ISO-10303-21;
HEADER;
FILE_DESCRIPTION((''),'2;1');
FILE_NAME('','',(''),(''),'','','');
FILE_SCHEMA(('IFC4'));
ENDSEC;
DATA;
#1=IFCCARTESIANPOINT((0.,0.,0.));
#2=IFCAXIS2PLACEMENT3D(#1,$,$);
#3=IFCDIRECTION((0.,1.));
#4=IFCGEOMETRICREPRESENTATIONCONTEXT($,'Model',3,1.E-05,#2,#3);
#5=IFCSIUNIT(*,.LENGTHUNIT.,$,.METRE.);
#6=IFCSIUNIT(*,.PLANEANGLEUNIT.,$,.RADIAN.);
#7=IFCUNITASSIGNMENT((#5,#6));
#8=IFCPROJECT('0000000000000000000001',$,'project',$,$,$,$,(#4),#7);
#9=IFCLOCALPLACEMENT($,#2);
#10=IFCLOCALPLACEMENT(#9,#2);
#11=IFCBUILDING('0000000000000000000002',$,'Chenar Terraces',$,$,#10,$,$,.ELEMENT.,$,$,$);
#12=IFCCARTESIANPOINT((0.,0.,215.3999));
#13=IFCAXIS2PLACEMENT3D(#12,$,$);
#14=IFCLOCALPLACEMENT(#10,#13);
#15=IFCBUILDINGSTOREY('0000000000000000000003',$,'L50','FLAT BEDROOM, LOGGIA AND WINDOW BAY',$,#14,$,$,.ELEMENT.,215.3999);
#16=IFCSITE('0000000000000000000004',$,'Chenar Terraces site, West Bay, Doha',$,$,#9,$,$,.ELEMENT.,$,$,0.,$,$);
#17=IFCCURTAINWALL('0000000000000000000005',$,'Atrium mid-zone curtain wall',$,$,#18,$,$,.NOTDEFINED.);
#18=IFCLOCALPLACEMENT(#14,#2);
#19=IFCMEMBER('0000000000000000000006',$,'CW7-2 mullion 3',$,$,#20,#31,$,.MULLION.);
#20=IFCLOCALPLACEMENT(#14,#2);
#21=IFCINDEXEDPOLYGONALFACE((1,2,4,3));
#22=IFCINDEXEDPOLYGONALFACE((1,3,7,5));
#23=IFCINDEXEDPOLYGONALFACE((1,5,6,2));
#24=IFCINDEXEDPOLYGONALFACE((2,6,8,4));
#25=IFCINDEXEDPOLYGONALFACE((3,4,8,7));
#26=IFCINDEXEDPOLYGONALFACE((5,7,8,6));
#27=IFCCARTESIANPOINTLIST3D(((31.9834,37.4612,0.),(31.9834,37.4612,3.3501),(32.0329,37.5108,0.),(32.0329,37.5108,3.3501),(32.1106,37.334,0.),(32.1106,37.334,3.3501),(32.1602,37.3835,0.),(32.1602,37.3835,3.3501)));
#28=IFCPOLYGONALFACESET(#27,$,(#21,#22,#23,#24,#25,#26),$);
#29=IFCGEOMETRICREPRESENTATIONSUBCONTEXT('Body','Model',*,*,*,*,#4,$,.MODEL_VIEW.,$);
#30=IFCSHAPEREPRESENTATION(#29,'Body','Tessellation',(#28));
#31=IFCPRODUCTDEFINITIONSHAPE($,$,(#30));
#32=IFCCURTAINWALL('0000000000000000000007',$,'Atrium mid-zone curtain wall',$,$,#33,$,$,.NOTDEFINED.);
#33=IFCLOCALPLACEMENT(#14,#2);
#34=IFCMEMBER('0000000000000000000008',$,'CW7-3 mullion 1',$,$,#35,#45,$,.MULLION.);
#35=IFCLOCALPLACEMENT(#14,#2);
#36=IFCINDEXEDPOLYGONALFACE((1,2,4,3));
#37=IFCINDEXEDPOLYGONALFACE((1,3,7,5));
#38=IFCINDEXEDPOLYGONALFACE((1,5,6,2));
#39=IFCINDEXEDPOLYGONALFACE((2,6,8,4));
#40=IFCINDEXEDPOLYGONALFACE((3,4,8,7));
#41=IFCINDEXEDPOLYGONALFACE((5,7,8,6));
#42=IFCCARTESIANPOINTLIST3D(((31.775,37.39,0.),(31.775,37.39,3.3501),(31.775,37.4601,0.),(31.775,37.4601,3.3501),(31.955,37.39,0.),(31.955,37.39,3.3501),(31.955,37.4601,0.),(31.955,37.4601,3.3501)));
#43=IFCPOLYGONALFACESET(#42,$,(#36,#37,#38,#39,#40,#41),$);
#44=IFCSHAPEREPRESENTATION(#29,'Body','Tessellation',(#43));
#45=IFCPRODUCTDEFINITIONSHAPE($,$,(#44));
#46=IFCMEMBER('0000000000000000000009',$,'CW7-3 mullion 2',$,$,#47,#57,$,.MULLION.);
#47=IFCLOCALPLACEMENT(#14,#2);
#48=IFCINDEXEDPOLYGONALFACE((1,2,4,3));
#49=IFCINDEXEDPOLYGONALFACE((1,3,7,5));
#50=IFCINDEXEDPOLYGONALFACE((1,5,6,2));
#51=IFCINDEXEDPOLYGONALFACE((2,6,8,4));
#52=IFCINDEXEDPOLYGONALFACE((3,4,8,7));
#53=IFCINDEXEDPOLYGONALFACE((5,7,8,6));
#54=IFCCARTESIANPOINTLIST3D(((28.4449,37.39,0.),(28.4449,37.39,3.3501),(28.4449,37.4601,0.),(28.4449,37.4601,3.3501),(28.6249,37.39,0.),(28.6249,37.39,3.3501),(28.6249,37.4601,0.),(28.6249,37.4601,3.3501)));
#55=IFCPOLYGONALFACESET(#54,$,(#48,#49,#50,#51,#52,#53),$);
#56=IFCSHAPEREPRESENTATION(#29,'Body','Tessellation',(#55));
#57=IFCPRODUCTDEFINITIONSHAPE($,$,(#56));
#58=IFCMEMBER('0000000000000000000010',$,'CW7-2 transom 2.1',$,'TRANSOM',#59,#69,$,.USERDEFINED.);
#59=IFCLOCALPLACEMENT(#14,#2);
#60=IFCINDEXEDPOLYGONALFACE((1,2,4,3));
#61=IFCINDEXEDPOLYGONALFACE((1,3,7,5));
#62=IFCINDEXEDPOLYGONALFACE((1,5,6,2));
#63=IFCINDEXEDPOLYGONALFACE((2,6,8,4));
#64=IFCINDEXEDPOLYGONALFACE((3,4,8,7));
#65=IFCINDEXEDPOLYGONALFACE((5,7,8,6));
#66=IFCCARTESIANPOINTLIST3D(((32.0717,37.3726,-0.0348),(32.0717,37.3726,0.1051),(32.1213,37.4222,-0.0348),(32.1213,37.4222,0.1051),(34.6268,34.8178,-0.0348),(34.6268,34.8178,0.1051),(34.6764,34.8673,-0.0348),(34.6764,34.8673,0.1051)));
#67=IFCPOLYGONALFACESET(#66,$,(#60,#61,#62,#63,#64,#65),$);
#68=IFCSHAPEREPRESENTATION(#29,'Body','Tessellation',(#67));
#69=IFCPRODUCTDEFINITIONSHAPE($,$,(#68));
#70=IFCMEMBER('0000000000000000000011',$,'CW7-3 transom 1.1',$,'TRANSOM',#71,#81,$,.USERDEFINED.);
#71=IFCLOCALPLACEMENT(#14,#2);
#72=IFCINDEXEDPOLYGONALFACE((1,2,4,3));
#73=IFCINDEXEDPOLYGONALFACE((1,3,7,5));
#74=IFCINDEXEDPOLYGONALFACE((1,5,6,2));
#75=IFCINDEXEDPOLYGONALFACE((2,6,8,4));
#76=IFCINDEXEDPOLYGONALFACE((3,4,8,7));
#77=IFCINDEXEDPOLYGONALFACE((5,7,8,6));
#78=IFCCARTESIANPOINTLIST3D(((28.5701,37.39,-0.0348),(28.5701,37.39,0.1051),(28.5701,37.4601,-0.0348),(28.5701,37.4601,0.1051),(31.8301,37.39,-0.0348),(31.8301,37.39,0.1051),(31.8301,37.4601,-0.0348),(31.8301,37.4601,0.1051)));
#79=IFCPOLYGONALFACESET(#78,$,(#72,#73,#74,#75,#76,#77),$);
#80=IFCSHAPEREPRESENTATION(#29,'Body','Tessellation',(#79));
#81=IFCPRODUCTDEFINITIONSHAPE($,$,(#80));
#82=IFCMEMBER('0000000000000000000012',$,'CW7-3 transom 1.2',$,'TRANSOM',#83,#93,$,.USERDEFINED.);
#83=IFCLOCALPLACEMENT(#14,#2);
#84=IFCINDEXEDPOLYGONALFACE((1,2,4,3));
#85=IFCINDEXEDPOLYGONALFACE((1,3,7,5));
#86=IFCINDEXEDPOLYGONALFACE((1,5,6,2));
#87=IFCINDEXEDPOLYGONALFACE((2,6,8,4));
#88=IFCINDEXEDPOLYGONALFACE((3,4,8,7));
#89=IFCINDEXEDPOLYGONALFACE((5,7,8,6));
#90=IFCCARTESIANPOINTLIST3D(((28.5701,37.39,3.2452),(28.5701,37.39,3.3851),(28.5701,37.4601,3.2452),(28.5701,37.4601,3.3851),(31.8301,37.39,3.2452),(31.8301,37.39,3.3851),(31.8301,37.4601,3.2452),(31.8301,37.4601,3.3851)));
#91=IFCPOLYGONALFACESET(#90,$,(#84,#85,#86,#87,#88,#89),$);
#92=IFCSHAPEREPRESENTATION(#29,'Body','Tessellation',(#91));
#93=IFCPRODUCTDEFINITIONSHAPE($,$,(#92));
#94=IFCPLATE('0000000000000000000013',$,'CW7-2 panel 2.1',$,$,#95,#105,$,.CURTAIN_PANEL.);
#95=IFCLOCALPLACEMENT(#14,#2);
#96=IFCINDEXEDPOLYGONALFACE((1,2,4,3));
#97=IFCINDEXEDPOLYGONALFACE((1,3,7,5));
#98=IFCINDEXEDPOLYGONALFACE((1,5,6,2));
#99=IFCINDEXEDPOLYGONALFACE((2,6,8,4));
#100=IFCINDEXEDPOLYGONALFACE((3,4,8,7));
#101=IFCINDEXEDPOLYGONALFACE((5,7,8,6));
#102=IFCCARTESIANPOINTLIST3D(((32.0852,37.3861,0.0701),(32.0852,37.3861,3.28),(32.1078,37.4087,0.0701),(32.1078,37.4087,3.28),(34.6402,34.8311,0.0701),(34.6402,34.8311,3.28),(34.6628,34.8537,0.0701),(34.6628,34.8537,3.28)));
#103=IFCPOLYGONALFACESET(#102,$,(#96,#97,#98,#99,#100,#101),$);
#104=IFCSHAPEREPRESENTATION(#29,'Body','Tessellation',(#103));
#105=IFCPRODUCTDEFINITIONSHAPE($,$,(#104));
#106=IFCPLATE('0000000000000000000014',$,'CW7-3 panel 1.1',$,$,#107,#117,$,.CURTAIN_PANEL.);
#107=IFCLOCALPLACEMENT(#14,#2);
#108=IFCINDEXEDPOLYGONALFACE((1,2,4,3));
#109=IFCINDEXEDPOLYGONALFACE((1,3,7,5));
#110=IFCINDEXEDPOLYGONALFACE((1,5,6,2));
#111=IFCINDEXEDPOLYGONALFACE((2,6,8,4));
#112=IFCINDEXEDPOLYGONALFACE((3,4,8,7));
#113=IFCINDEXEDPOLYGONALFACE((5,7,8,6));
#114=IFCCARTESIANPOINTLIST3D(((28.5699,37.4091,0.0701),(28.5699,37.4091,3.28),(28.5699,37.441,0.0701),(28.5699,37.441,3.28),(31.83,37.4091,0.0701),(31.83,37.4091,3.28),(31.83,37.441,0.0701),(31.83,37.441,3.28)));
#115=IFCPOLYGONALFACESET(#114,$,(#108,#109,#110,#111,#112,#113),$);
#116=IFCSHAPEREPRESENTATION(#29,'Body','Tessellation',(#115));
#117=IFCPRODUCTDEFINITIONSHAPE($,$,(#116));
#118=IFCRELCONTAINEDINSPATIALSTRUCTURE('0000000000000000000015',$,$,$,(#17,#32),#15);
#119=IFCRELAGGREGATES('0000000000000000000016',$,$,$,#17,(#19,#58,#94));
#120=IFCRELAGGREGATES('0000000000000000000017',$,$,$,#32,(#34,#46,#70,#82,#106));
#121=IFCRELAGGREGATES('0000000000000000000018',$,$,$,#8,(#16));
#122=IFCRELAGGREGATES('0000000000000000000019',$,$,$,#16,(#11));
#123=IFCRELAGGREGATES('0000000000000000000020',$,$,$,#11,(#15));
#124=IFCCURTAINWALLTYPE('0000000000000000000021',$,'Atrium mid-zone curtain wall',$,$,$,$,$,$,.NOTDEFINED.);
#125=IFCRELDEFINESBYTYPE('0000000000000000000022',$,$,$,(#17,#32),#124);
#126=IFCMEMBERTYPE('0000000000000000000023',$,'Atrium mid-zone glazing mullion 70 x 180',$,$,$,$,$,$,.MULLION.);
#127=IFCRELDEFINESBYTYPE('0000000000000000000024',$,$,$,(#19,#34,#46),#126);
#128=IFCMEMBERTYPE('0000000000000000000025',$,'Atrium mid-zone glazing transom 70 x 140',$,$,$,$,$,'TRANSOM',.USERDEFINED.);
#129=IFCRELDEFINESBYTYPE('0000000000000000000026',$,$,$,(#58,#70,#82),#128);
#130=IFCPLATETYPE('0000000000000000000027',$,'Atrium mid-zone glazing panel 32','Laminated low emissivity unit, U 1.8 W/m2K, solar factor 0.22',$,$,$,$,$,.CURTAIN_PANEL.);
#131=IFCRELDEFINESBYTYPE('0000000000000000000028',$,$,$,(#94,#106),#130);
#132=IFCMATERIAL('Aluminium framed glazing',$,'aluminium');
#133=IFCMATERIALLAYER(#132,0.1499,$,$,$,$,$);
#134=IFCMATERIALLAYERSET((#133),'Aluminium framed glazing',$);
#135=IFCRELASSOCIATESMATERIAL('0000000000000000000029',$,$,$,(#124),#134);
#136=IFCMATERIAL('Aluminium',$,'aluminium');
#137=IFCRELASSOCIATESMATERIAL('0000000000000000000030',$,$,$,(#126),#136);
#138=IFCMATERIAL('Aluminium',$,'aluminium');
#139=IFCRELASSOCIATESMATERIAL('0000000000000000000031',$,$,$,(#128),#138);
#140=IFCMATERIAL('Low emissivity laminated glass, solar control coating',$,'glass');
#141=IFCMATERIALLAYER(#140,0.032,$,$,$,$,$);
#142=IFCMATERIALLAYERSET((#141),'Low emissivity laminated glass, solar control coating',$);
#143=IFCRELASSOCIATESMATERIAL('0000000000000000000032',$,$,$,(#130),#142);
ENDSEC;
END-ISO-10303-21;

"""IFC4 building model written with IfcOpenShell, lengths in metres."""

from ifc_helpers import new_model, si_unit, direction, frame, origin, origin_2d, place, context, subcontext, project, spatial, rectangle, extrude, material, layer, layer_set, material_profile, profile_set, type_object, element, aggregate, save


model = new_model("IFC4")

# Units and contexts
model_context = context("Model", 3, precision=1e-05, world=origin(), true_north=direction((0.0, 1.0)))
body_context = subcontext(model_context, "Body", "Model", "MODEL_VIEW")
ifc_project = project(units=[si_unit("LENGTHUNIT", "METRE"), si_unit("PLANEANGLEUNIT", "RADIAN")], contexts=[model_context])

# Site, building, storey
site_placement = place(None, origin())
site = spatial("IfcSite", under=ifc_project, at=site_placement, Name="Chenar Terraces site, West Bay, Doha", CompositionType="ELEMENT", RefElevation=0.0)
building_placement = place(site_placement, origin())
building = spatial("IfcBuilding", under=site, at=building_placement, Name="Chenar Terraces", CompositionType="ELEMENT")
storey_placement = place(building_placement, frame((0.0, 0.0, 215.3999)))
storey = spatial("IfcBuildingStorey", under=building, at=storey_placement, Name="L50", Description="FLAT BEDROOM, LOGGIA AND WINDOW BAY", CompositionType="ELEMENT", Elevation=215.3999)

# Curtain wall, member
ifc_material_1 = material(Name="Aluminium framed glazing", Category="aluminium")
ifc_layer_1 = layer(ifc_material_1, 0.1499)
ifc_layer_set_1 = layer_set([ifc_layer_1], Name="Aluminium framed glazing")
curtain_wall_type = type_object("IfcCurtainWallType", Name="Atrium mid-zone curtain wall", PredefinedType="NOTDEFINED", material=ifc_layer_set_1)
placement = place(storey_placement, origin())
curtain_wall_1 = element("IfcCurtainWall", 1, at=placement, inside=storey, type_object=curtain_wall_type, Name="Atrium mid-zone curtain wall", PredefinedType="NOTDEFINED")
ifc_material_2 = material(Name="Aluminium", Category="aluminium")
ifc_material_profile_1 = material_profile(ifc_material_2, rectangle(XDim=0.0701, YDim=0.1799, at=origin_2d()), Name="Atrium mid-zone glazing mullion 70 x 180")
ifc_profile_set_1 = profile_set([ifc_material_profile_1], Name="Aluminium")
member_type_1 = type_object("IfcMemberType", Name="Atrium mid-zone glazing mullion 70 x 180", PredefinedType="MULLION", material=ifc_profile_set_1)
member_1_placement = place(storey_placement, frame((32.0718, 37.4224, 0.0), z_axis=(0.0, 0.0, 1.0), x_axis=(-0.707107, -0.707107, 0.0)))
member_1 = element("IfcMember", 2, at=member_1_placement, type_object=member_type_1, Name="CW7-2 mullion 3", PredefinedType="MULLION", context=body_context, shape_type="SweptSolid", body=[
    extrude(rectangle(XDim=0.0701, YDim=0.1799, at=origin_2d()), origin(), (0.0, 0.0, 1.0), 3.3501),
])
○ ○ ○ ○
▶ **ACTIVITY**
Taking the line with "#13=IFCAXIS2PLACEMENT3D(#12,$,$);" as the first and the line with "#43=IFCPOLYGONALFACESET(#42,$,(#36,#37,#38,#39,#40,#41),$);" as the last, retype that stretch of the data above exactly, with no other lines.

▶ **RESULT**
#13=IFCAXIS2PLACEMENT3D(#12,$,$);
#14=IFCLOCALPLACEMENT(#10,#13);
#15=IFCBUILDINGSTOREY('0000000000000000000003',$,'L50','FLAT BEDROOM, LOGGIA AND WINDOW BAY',$,#14,$,$,.ELEMENT.,215.3999);
#16=IFCSITE('0000000000000000000004',$,'Chenar Terraces site, West Bay, Doha',$,$,#9,$,$,.ELEMENT.,$,$,0.,$,$);
#17=IFCCURTAINWALL('0000000000000000000005',$,'Atrium mid-zone curtain wall',$,$,#18,$,$,.NOTDEFINED.);
#18=IFCLOCALPLACEMENT(#14,#2);
#19=IFCMEMBER('0000000000000000000006',$,'CW7-2 mullion 3',$,$,#20,#31,$,.MULLION.);
#20=IFCLOCALPLACEMENT(#14,#2);
#21=IFCINDEXEDPOLYGONALFACE((1,2,4,3));
#22=IFCINDEXEDPOLYGONALFACE((1,3,7,5));
#23=IFCINDEXEDPOLYGONALFACE((1,5,6,2));
#24=IFCINDEXEDPOLYGONALFACE((2,6,8,4));
#25=IFCINDEXEDPOLYGONALFACE((3,4,8,7));
#26=IFCINDEXEDPOLYGONALFACE((5,7,8,6));
#27=IFCCARTESIANPOINTLIST3D(((31.9834,37.4612,0.),(31.9834,37.4612,3.3501),(32.0329,37.5108,0.),(32.0329,37.5108,3.3501),(32.1106,37.334,0.),(32.1106,37.334,3.3501),(32.1602,37.3835,0.),(32.1602,37.3835,3.3501)));
#28=IFCPOLYGONALFACESET(#27,$,(#21,#22,#23,#24,#25,#26),$);
#29=IFCGEOMETRICREPRESENTATIONSUBCONTEXT('Body','Model',*,*,*,*,#4,$,.MODEL_VIEW.,$);
#30=IFCSHAPEREPRESENTATION(#29,'Body','Tessellation',(#28));
#31=IFCPRODUCTDEFINITIONSHAPE($,$,(#30));
#32=IFCCURTAINWALL('0000000000000000000007',$,'Atrium mid-zone curtain wall',$,$,#33,$,$,.NOTDEFINED.);
#33=IFCLOCALPLACEMENT(#14,#2);
#34=IFCMEMBER('0000000000000000000008',$,'CW7-3 mullion 1',$,$,#35,#45,$,.MULLION.);
#35=IFCLOCALPLACEMENT(#14,#2);
#36=IFCINDEXEDPOLYGONALFACE((1,2,4,3));
#37=IFCINDEXEDPOLYGONALFACE((1,3,7,5));
#38=IFCINDEXEDPOLYGONALFACE((1,5,6,2));
#39=IFCINDEXEDPOLYGONALFACE((2,6,8,4));
#40=IFCINDEXEDPOLYGONALFACE((3,4,8,7));
#41=IFCINDEXEDPOLYGONALFACE((5,7,8,6));
#42=IFCCARTESIANPOINTLIST3D(((31.775,37.39,0.),(31.775,37.39,3.3501),(31.775,37.4601,0.),(31.775,37.4601,3.3501),(31.955,37.39,0.),(31.955,37.39,3.3501),(31.955,37.4601,0.),(31.955,37.4601,3.3501)));
#43=IFCPOLYGONALFACESET(#42,$,(#36,#37,#38,#39,#40,#41),$);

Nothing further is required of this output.